- [EXERCISE BRIEF] What is wanted is an exact copy of the lines from the top of the listing through the line containing "#75=IFCLOCALPLACEMENT(#14,#2);".

- [RECORDS TO USE]
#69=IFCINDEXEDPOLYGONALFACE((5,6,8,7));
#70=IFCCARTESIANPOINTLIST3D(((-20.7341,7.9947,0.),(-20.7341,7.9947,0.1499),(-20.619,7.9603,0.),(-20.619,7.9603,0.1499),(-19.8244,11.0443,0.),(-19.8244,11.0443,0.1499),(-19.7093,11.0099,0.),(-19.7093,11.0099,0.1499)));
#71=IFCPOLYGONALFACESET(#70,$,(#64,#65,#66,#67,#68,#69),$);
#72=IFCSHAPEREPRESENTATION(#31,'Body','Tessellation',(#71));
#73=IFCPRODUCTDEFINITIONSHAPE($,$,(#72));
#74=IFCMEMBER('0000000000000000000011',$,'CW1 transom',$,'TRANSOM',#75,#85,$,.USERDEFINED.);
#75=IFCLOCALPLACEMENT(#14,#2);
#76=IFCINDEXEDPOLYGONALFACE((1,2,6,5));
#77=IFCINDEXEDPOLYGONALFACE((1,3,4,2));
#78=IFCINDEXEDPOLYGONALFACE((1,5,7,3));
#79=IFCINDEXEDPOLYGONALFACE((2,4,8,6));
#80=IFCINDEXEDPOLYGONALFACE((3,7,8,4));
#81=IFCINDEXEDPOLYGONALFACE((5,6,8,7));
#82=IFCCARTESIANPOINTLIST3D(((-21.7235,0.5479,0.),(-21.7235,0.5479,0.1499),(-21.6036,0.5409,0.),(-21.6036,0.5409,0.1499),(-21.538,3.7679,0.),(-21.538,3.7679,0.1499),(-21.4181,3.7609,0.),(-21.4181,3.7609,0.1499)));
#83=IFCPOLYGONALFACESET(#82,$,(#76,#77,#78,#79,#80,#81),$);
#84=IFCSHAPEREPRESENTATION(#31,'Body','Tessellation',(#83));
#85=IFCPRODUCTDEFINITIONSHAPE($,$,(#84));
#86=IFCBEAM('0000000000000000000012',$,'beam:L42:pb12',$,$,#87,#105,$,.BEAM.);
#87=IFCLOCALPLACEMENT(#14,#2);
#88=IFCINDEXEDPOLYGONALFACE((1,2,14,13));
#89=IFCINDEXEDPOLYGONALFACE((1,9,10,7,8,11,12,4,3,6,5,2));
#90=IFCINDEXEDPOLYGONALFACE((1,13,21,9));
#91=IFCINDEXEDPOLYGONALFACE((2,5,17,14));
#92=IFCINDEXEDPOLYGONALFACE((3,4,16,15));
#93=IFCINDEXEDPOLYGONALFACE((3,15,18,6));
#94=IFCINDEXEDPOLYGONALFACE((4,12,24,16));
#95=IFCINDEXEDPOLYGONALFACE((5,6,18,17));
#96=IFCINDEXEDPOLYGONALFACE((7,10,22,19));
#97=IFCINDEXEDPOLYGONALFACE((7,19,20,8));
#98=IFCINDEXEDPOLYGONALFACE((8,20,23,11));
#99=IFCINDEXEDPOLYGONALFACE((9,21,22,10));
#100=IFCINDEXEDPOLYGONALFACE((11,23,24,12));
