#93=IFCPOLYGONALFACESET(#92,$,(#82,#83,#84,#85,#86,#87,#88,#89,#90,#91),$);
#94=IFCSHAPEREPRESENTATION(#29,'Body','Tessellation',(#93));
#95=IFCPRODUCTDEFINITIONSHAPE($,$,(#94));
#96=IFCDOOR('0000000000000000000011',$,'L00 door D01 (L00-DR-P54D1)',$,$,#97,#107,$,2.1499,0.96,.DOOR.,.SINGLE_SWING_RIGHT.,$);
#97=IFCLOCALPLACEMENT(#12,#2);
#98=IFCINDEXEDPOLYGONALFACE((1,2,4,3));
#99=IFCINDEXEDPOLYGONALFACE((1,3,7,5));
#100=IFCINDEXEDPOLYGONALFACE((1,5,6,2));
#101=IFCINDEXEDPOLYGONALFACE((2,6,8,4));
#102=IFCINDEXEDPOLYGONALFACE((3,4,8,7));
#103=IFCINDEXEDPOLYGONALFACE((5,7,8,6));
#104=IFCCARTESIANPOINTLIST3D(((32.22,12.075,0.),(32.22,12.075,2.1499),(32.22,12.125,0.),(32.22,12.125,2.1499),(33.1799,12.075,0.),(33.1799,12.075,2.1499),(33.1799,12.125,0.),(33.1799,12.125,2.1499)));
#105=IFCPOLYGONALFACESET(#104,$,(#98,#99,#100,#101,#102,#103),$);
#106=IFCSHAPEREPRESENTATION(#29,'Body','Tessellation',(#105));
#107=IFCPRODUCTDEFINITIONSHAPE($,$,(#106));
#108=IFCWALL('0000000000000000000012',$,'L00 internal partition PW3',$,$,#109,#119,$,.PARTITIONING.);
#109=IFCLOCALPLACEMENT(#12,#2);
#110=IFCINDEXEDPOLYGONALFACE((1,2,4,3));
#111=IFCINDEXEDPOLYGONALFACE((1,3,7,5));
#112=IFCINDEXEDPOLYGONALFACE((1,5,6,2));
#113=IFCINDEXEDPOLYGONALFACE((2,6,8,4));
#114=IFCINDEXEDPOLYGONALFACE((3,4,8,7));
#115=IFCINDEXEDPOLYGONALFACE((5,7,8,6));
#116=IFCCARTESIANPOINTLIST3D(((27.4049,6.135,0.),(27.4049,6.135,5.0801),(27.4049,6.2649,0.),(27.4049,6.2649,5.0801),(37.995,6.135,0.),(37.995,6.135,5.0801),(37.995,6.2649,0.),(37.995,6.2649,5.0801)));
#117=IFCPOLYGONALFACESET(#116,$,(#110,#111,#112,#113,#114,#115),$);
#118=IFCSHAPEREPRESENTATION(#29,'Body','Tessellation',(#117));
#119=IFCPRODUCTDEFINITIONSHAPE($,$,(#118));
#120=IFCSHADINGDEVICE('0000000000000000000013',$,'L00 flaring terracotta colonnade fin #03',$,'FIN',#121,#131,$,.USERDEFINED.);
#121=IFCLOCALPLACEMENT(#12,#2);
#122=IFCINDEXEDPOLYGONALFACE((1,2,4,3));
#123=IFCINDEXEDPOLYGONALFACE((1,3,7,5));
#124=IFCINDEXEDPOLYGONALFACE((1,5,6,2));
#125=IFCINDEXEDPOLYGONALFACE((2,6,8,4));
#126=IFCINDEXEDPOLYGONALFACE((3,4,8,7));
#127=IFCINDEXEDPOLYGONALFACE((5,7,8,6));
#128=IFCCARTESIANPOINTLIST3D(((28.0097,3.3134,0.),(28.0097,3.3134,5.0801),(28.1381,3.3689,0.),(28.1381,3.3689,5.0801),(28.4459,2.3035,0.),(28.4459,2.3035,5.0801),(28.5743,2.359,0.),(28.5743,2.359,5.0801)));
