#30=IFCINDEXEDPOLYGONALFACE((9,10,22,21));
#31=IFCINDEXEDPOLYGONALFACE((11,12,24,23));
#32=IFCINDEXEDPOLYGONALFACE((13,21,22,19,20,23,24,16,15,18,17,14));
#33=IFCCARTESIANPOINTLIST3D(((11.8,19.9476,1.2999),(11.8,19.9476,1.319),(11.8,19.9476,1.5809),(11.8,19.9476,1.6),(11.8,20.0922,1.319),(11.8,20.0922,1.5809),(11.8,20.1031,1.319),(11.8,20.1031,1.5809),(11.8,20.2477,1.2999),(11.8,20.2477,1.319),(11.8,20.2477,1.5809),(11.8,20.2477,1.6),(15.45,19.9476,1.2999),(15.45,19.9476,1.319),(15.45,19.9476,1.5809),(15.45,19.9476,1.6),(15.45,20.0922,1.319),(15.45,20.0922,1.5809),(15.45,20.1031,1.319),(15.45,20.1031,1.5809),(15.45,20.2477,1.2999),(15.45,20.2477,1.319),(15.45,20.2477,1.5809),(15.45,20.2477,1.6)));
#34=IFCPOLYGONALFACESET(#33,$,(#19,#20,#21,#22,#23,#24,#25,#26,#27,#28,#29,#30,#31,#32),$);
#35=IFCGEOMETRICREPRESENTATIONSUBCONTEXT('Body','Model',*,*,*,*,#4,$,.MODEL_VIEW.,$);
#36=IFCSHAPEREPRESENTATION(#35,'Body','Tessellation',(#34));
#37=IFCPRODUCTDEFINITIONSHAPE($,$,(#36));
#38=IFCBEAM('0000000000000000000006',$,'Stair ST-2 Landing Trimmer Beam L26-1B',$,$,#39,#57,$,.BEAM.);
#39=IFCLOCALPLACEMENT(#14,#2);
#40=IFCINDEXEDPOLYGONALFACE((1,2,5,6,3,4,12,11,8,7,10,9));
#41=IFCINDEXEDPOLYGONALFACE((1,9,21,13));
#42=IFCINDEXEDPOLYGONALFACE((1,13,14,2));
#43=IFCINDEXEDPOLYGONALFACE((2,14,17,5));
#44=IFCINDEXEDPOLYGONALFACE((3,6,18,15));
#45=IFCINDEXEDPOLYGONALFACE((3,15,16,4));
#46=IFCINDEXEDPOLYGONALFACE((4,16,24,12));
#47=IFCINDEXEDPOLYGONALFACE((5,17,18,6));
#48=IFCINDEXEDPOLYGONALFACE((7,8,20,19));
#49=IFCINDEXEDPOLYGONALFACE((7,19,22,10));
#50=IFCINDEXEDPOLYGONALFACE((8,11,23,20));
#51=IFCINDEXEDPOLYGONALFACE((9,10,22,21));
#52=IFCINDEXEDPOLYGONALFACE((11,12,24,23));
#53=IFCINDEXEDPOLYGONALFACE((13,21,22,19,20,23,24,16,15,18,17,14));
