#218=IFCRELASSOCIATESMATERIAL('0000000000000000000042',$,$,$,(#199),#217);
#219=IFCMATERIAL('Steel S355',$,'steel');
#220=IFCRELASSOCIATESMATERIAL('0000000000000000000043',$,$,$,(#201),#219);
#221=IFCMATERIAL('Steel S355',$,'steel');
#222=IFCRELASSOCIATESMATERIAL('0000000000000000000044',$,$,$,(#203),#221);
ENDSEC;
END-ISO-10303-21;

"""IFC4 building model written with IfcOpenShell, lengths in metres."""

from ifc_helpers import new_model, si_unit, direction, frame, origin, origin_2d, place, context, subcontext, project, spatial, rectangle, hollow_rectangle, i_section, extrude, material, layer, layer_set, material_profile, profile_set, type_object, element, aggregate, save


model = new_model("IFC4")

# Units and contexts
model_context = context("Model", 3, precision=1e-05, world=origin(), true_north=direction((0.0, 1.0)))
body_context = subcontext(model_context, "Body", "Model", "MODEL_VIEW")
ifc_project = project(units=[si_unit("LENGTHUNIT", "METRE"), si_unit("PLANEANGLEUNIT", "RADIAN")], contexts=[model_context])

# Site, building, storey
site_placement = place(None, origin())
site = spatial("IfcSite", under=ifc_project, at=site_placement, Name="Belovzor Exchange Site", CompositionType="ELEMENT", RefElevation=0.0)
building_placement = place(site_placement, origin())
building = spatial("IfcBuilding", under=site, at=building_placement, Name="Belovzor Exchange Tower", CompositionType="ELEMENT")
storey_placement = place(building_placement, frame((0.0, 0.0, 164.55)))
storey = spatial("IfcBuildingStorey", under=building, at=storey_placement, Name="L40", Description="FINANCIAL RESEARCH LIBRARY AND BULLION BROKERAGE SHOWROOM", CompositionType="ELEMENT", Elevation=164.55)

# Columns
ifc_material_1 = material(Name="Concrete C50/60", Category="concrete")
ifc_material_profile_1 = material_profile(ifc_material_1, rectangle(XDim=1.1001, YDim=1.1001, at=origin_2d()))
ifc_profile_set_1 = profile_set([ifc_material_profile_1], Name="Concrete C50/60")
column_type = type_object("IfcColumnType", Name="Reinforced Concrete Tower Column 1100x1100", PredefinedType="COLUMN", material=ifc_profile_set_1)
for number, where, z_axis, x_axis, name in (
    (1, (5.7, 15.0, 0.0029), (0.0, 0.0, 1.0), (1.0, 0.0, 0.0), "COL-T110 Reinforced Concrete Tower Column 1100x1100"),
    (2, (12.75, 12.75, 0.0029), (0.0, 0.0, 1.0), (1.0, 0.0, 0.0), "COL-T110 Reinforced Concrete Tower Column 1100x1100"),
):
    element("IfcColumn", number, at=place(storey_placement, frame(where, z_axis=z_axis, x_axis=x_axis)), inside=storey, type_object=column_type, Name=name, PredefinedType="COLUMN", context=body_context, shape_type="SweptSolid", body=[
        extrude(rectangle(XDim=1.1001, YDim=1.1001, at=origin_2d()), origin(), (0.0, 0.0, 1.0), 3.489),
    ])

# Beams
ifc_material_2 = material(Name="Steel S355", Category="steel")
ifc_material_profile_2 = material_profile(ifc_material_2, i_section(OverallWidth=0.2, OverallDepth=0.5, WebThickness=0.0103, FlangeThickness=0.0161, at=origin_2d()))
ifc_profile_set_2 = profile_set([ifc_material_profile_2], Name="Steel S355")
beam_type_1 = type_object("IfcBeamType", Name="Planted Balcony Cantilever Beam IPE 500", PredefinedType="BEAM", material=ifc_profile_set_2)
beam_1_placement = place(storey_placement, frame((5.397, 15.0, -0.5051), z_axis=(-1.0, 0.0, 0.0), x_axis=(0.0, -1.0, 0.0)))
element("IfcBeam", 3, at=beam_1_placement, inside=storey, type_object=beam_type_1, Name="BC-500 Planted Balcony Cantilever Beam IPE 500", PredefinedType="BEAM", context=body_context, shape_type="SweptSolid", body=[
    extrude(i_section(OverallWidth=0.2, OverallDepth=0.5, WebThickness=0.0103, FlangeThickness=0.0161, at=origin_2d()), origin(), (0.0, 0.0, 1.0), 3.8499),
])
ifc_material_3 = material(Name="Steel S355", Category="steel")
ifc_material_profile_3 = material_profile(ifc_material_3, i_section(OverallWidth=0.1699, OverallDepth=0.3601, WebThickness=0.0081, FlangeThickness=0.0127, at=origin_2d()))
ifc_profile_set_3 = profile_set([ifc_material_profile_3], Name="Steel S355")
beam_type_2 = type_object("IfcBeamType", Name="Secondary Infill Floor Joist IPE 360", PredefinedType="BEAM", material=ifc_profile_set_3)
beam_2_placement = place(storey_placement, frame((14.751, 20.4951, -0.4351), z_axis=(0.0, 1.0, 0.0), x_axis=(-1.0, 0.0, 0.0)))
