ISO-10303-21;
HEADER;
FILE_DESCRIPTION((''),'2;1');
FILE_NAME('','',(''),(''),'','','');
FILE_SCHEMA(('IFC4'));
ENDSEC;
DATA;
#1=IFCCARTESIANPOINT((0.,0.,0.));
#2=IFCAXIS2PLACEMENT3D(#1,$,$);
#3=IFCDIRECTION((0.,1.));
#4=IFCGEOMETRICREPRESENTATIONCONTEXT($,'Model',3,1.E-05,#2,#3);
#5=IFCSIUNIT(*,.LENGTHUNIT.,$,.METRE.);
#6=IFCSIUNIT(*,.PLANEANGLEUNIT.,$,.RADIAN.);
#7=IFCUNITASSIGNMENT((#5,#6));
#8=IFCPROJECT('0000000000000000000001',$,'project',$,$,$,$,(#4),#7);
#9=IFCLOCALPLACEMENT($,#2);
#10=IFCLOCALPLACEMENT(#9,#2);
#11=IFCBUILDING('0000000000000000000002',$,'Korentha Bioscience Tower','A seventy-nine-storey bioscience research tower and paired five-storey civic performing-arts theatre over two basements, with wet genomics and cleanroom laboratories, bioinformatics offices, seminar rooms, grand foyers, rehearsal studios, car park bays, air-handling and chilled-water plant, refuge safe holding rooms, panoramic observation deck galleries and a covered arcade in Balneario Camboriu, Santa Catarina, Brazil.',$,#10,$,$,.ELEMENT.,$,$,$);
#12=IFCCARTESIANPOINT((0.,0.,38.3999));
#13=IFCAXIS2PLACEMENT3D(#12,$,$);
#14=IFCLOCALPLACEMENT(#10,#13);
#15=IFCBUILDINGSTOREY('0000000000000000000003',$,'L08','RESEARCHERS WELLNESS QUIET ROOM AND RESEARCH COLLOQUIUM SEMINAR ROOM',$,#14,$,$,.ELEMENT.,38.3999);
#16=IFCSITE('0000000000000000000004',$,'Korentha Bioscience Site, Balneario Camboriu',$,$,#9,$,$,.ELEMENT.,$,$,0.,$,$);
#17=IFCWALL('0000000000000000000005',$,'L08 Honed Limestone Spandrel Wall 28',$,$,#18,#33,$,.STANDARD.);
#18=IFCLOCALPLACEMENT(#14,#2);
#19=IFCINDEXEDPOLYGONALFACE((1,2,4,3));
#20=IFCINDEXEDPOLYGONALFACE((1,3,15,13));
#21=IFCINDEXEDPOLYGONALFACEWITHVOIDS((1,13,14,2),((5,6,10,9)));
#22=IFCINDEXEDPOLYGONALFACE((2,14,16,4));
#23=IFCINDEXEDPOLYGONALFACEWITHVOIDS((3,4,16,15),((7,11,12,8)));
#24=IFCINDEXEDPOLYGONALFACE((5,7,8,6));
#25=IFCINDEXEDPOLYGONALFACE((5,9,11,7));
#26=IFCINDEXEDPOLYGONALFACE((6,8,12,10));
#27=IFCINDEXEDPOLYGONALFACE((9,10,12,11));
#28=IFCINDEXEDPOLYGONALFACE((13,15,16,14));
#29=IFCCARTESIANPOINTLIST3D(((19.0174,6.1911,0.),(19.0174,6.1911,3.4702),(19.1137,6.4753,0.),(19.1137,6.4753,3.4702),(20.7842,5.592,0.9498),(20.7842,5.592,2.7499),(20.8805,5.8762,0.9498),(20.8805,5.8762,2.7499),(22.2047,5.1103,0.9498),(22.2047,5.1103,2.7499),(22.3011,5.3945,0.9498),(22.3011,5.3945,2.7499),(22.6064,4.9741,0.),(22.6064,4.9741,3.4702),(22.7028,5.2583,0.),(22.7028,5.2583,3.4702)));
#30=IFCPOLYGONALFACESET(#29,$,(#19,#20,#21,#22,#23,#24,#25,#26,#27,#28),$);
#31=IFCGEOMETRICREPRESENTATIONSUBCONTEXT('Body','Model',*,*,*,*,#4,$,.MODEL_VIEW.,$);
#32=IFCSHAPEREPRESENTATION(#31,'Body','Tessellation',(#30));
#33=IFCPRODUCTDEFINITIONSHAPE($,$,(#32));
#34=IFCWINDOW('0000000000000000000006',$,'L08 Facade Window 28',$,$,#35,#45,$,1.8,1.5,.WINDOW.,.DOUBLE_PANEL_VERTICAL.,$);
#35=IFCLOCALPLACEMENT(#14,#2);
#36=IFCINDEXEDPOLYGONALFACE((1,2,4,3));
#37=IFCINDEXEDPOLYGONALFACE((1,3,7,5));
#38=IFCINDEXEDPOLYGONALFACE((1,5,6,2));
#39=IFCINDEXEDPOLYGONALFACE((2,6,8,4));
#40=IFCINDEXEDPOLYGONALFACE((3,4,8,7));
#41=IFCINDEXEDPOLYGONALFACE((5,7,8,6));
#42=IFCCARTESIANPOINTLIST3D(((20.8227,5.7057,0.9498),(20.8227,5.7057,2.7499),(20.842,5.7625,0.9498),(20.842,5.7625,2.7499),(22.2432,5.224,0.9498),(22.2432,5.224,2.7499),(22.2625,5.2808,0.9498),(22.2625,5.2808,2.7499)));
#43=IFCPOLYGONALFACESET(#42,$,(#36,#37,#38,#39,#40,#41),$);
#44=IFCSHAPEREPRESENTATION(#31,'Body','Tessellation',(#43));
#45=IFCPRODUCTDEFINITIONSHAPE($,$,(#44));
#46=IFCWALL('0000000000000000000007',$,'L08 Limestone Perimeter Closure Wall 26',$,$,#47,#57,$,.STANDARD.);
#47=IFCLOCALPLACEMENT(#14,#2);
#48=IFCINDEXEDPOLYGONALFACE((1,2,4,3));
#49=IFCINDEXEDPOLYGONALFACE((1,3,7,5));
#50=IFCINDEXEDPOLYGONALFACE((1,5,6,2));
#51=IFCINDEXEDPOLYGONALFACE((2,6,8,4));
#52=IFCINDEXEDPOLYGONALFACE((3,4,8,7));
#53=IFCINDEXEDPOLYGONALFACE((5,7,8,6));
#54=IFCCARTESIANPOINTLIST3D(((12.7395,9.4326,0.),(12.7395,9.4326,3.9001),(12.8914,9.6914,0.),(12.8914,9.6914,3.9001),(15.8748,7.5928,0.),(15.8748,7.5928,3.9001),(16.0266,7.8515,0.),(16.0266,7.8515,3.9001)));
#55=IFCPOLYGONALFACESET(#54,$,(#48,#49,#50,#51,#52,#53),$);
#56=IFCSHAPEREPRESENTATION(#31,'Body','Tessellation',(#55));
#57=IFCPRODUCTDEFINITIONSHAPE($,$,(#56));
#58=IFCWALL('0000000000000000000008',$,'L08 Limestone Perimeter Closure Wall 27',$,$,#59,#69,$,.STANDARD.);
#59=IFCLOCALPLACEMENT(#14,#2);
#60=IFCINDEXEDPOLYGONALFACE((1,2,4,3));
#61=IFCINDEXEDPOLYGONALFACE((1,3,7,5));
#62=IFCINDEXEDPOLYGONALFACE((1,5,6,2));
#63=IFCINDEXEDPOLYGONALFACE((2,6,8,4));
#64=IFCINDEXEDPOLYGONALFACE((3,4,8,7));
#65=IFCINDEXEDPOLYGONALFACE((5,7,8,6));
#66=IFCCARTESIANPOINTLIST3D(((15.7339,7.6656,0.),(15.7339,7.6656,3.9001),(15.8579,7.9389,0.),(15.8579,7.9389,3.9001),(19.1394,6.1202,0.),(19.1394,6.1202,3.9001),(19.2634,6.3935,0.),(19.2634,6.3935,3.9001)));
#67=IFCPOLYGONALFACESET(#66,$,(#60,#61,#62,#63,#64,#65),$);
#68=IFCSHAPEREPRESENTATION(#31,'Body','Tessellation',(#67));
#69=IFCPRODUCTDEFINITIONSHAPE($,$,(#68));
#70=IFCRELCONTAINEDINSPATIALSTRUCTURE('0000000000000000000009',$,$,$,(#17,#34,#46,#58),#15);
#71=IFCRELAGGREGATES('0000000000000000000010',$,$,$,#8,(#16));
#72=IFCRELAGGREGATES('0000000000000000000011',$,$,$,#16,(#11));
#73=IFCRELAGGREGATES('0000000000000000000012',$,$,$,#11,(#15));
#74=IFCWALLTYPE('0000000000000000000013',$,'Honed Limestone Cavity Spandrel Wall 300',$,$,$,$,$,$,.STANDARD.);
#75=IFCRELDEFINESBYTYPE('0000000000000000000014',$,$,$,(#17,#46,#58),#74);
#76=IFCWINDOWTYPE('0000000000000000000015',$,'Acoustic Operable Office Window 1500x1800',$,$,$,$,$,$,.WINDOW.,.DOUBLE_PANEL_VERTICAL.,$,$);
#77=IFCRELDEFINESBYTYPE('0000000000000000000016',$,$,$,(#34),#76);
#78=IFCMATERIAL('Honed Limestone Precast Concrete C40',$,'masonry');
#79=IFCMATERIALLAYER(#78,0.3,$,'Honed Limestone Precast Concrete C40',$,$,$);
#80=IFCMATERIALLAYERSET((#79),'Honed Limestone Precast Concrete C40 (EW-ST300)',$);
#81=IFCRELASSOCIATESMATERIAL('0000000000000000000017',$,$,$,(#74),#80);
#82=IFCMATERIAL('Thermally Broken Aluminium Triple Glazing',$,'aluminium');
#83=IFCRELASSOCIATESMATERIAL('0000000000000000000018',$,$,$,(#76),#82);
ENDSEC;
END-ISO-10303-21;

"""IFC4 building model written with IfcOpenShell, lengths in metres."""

from ifc_helpers import new_model, si_unit, direction, frame, frame_2d, origin, place, context, subcontext, project, spatial, rectangle, extrude, material, layer, layer_set, type_object, element, fill, save


model = new_model("IFC4")

# Units and contexts
model_context = context("Model", 3, precision=1e-05, world=origin(), true_north=direction((0.0, 1.0)))
body_context = subcontext(model_context, "Body", "Model", "MODEL_VIEW")
ifc_project = project(units=[si_unit("LENGTHUNIT", "METRE"), si_unit("PLANEANGLEUNIT", "RADIAN")], contexts=[model_context])

# Site, building, storey
site_placement = place(None, origin())
site = spatial("IfcSite", under=ifc_project, at=site_placement, Name="Korentha Bioscience Site, Balneario Camboriu", CompositionType="ELEMENT", RefElevation=0.0)
building_placement = place(site_placement, origin())
building = spatial("IfcBuilding", under=site, at=building_placement, Name="Korentha Bioscience Tower", Description="A seventy-nine-storey bioscience research tower and paired five-storey civic performing-arts theatre over two basements, with wet genomics and cleanroom laboratories, bioinformatics offices, seminar rooms, grand foyers, rehearsal studios, car park bays, air-handling and chilled-water plant, refuge safe holding rooms, panoramic observation deck galleries and a covered arcade in Balneario Camboriu, Santa Catarina, Brazil.", CompositionType="ELEMENT")
storey_placement = place(building_placement, frame((0.0, 0.0, 38.3999)))
storey = spatial("IfcBuildingStorey", under=building, at=storey_placement, Name="L08", Description="RESEARCHERS WELLNESS QUIET ROOM AND RESEARCH COLLOQUIUM SEMINAR ROOM", CompositionType="ELEMENT", Elevation=38.3999)

# Wall, opening, window
ifc_material_1 = material(Name="Honed Limestone Precast Concrete C40", Category="masonry")
ifc_layer_1 = layer(ifc_material_1, 0.3, Name="Honed Limestone Precast Concrete C40")
ifc_layer_set_1 = layer_set([ifc_layer_1], Name="Honed Limestone Precast Concrete C40 (EW-ST300)")
wall_type_1 = type_object("IfcWallType", Name="Honed Limestone Cavity Spandrel Wall 300", PredefinedType="STANDARD", material=ifc_layer_set_1)
wall_1_placement = place(storey_placement, frame((19.0654, 6.3333, 0.0), z_axis=(0.0, 0.0, 1.0), x_axis=(0.947034, -0.321132, 0.0)))
wall_1 = element("IfcWall", 1, at=wall_1_placement, inside=storey, type_object=wall_type_1, Name="L08 Honed Limestone Spandrel Wall 28", PredefinedType="STANDARD", context=body_context, shape_type="SweptSolid", body=[
    extrude(rectangle(XDim=3.7898, YDim=0.3, at=frame_2d((1.895, 0.0))), origin(), (0.0, 0.0, 1.0), 3.4702),
])
opening_placement = place(wall_1_placement, frame((1.8657, 0.0, 0.95)))
opening = element("IfcOpeningElement", 2, at=opening_placement, cuts=wall_1, PredefinedType="OPENING", context=body_context, shape_type="SweptSolid", body=[
    extrude(rectangle(XDim=1.5, YDim=1.8, at=frame_2d((0.75, 0.8999))), frame((0.0, 0.165, 0.0), z_axis=(0.0, -1.0, 0.0), x_axis=(1.0, 0.0, 0.0)), (0.0, 0.0, 1.0), 0.3298),
])
ifc_material_2 = material(Name="Thermally Broken Aluminium Triple Glazing", Category="aluminium")
window_type = type_object("IfcWindowType", Name="Acoustic Operable Office Window 1500x1800", PartitioningType="DOUBLE_PANEL_VERTICAL", PredefinedType="WINDOW", material=ifc_material_2)
window_placement = place(opening_placement, origin())
window = element("IfcWindow", 3, at=window_placement, inside=storey, type_object=window_type, Name="L08 Facade Window 28", OverallHeight=1.8, OverallWidth=1.5, PartitioningType="DOUBLE_PANEL_VERTICAL", PredefinedType="WINDOW", context=body_context, shape_type="SweptSolid", body=[
    extrude(rectangle(XDim=1.5, YDim=1.8, at=frame_2d((0.75, 0.8999))), frame((0.0, 0.03, 0.0), z_axis=(0.0, -1.0, 0.0), x_axis=(1.0, 0.0, 0.0)), (0.0, 0.0, 1.0), 0.0601),
])
fill(opening, window)

# Walls
wall_2_placement = place(storey_placement, frame((12.8154, 9.562, 0.0), z_axis=(0.0, 0.0, 1.0), x_axis=(0.862465, -0.506116, 0.0)))
element("IfcWall", 4, at=wall_2_placement, inside=storey, type_object=wall_type_1, Name="L08 Limestone Perimeter Closure Wall 26", PredefinedType="STANDARD", context=body_context, shape_type="SweptSolid", body=[
    extrude(rectangle(XDim=3.6353, YDim=0.3, at=frame_2d((1.8176, 0.0))), origin(), (0.0, 0.0, 1.0), 3.9001),
])
wall_3_placement = place(storey_placement, frame((15.7959, 7.8022, 0.0), z_axis=(0.0, 0.0, 1.0), x_axis=(0.910623, -0.413237, 0.0)))
element("IfcWall", 5, at=wall_3_placement, inside=storey, type_object=wall_type_1, Name="L08 Limestone Perimeter Closure Wall 27", PredefinedType="STANDARD", context=body_context, shape_type="SweptSolid", body=[
    extrude(rectangle(XDim=3.7397, YDim=0.3, at=frame_2d((1.8699, 0.0))), origin(), (0.0, 0.0, 1.0), 3.9001),
])

save(model, "model.ifc")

- [RESPONSE]
#69=IFCINDEXEDPOLYGONALFACE((5,6,8,7));
#70=IFCCARTESIANPOINTLIST3D(((-20.7341,7.9947,0.),(-20.7341,7.9947,0.1499),(-20.619,7.9603,0.),(-20.619,7.9603,0.1499),(-19.8244,11.0443,0.),(-19.8244,11.0443,0.1499),(-19.7093,11.0099,0.),(-19.7093,11.0099,0.1499)));
#71=IFCPOLYGONALFACESET(#70,$,(#64,#65,#66,#67,#68,#69),$);
#72=IFCSHAPEREPRESENTATION(#31,'Body','Tessellation',(#71));
#73=IFCPRODUCTDEFINITIONSHAPE($,$,(#72));
#74=IFCMEMBER('0000000000000000000011',$,'CW1 transom',$,'TRANSOM',#75,#85,$,.USERDEFINED.);
#75=IFCLOCALPLACEMENT(#14,#2);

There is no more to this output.